(Saved data entries)

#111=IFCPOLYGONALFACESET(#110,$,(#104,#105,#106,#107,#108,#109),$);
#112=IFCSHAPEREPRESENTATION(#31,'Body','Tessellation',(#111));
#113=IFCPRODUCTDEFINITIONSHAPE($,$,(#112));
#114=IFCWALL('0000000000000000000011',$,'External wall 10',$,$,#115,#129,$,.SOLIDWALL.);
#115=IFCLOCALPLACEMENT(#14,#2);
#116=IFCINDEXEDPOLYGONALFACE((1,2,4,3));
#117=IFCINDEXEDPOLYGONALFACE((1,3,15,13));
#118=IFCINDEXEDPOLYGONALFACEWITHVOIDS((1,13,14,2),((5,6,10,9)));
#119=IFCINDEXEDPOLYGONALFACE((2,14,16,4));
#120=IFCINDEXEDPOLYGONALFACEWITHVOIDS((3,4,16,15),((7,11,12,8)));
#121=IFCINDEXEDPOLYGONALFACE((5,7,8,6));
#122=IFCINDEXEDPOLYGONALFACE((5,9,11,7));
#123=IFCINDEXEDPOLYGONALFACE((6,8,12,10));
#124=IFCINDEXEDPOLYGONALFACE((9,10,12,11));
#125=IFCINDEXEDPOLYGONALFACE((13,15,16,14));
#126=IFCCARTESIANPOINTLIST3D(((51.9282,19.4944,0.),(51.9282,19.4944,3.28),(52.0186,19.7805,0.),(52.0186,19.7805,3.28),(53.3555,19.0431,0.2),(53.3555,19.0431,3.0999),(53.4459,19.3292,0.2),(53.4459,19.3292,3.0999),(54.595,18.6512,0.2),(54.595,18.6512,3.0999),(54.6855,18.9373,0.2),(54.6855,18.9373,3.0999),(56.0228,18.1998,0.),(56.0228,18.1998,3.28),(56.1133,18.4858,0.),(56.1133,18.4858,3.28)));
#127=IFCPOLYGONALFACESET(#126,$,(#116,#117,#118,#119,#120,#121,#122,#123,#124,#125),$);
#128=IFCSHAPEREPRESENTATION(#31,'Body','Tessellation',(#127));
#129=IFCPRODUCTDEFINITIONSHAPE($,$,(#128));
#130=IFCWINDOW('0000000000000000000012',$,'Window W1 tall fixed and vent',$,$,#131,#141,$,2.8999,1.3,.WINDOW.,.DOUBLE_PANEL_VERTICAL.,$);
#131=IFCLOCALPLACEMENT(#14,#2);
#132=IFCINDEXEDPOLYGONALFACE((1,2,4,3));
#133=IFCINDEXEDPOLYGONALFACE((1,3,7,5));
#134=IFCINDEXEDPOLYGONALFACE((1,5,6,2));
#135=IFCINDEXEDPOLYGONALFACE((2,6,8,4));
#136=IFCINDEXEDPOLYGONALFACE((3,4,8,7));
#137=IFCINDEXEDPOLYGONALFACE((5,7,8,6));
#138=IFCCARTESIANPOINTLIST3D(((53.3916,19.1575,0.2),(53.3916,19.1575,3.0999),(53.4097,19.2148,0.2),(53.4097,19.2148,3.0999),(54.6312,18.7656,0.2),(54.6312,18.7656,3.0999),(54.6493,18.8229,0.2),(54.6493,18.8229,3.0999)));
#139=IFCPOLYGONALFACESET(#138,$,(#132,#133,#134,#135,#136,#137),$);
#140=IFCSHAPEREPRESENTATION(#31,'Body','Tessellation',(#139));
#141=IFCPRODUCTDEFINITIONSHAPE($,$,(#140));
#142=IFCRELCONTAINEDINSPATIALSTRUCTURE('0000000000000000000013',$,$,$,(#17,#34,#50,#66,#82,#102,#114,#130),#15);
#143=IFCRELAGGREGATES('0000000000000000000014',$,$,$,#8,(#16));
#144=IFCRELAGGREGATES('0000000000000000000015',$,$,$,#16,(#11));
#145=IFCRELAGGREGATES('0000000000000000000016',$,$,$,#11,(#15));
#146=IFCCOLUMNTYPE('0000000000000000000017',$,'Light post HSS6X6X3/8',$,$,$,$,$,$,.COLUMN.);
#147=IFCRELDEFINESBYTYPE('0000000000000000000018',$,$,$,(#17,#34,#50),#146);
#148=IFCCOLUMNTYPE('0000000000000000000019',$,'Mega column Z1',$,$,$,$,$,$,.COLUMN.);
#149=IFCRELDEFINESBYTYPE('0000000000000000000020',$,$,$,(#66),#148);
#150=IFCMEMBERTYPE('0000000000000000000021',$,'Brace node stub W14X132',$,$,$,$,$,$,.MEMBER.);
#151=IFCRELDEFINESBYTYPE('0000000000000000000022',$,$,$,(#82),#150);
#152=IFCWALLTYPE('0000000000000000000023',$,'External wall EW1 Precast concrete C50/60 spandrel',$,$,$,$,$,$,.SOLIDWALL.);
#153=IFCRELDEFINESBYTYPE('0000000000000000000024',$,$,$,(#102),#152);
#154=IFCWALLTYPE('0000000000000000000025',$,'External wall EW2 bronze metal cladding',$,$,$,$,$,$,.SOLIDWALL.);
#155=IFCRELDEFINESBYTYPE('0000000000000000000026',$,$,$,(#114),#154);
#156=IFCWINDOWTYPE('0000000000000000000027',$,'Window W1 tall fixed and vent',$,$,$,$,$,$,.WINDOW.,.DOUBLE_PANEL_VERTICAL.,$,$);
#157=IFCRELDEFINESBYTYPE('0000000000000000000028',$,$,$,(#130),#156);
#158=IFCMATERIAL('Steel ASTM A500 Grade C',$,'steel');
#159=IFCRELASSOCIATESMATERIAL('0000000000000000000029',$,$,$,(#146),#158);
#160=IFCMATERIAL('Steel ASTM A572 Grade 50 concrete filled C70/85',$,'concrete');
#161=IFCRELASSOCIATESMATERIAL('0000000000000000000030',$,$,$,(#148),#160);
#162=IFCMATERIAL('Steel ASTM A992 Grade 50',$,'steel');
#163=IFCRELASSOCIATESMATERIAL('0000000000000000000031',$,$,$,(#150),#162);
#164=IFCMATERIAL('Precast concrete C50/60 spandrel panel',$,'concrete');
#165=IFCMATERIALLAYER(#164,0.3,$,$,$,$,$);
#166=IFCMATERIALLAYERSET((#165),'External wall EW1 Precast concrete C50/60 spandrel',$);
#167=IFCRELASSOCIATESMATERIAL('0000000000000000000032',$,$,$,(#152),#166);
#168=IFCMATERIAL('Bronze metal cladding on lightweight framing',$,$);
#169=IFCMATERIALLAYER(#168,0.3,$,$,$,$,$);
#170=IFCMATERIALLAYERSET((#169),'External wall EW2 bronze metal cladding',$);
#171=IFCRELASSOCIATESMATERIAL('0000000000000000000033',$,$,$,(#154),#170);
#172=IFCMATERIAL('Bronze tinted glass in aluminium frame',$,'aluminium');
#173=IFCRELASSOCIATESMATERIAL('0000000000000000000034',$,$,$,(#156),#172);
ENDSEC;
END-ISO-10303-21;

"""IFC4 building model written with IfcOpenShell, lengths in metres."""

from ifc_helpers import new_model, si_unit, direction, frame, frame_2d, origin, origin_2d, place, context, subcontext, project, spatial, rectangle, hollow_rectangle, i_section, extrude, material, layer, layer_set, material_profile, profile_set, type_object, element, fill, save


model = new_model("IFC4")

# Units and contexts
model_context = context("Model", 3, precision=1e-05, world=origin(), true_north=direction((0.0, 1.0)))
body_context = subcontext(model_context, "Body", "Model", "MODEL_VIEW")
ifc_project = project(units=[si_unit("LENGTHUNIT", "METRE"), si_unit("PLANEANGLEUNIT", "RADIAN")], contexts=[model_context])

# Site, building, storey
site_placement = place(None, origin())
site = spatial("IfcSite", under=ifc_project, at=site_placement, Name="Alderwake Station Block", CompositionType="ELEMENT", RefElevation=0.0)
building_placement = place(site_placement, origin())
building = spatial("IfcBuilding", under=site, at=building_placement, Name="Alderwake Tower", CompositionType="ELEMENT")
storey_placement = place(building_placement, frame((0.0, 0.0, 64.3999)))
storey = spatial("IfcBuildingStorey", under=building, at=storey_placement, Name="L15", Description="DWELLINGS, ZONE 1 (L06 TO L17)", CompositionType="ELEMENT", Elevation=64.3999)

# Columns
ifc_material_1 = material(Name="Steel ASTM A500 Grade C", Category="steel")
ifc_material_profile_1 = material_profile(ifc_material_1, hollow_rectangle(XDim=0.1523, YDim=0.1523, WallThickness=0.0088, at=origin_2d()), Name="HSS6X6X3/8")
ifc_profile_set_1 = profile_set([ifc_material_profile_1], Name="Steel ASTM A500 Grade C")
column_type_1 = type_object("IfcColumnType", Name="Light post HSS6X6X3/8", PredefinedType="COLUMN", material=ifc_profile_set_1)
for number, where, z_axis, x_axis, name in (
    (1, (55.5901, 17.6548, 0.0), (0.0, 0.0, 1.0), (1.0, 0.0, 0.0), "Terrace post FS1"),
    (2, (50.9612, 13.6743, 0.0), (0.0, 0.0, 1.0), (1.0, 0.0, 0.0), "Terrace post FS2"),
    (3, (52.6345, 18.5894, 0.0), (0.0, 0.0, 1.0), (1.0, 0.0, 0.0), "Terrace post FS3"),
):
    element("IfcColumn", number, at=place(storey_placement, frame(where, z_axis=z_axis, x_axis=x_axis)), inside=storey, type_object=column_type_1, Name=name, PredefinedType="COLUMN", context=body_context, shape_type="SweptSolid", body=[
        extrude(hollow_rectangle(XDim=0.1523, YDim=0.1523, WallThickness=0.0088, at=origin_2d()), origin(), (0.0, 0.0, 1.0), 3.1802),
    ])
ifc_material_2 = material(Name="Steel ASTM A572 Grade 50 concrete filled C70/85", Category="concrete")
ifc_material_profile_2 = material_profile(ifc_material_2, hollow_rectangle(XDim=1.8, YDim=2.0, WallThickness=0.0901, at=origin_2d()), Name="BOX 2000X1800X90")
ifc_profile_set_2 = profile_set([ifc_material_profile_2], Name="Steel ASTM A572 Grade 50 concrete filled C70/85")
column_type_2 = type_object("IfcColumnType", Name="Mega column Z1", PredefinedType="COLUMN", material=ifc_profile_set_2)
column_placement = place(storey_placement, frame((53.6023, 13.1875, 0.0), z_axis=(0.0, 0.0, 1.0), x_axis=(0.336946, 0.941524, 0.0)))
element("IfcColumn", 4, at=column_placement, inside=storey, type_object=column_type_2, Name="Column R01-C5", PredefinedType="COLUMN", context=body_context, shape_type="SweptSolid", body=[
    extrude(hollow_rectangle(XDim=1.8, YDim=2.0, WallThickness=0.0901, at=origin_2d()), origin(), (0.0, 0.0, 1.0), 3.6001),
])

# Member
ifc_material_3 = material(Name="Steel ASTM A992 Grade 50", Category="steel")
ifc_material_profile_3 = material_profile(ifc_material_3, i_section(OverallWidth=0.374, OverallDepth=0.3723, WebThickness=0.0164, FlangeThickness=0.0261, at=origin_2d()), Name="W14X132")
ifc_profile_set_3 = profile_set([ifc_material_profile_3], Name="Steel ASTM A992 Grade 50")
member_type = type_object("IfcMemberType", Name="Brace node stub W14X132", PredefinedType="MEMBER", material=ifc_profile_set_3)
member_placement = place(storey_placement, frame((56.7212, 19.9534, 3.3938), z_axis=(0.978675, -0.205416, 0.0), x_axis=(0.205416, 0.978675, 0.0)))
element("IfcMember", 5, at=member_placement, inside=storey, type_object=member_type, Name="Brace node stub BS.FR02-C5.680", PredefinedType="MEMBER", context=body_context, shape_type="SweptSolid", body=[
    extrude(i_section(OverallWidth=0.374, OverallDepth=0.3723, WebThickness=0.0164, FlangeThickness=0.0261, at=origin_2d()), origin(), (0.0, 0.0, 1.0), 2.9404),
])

• Task instructions:
The required output is every line above that contains the string "cladding".

• Answer to the problem:
#154=IFCWALLTYPE('0000000000000000000025',$,'External wall EW2 bronze metal cladding',$,$,$,$,$,$,.SOLIDWALL.);
#168=IFCMATERIAL('Bronze metal cladding on lightweight framing',$,$);
#170=IFCMATERIALLAYERSET((#169),'External wall EW2 bronze metal cladding',$);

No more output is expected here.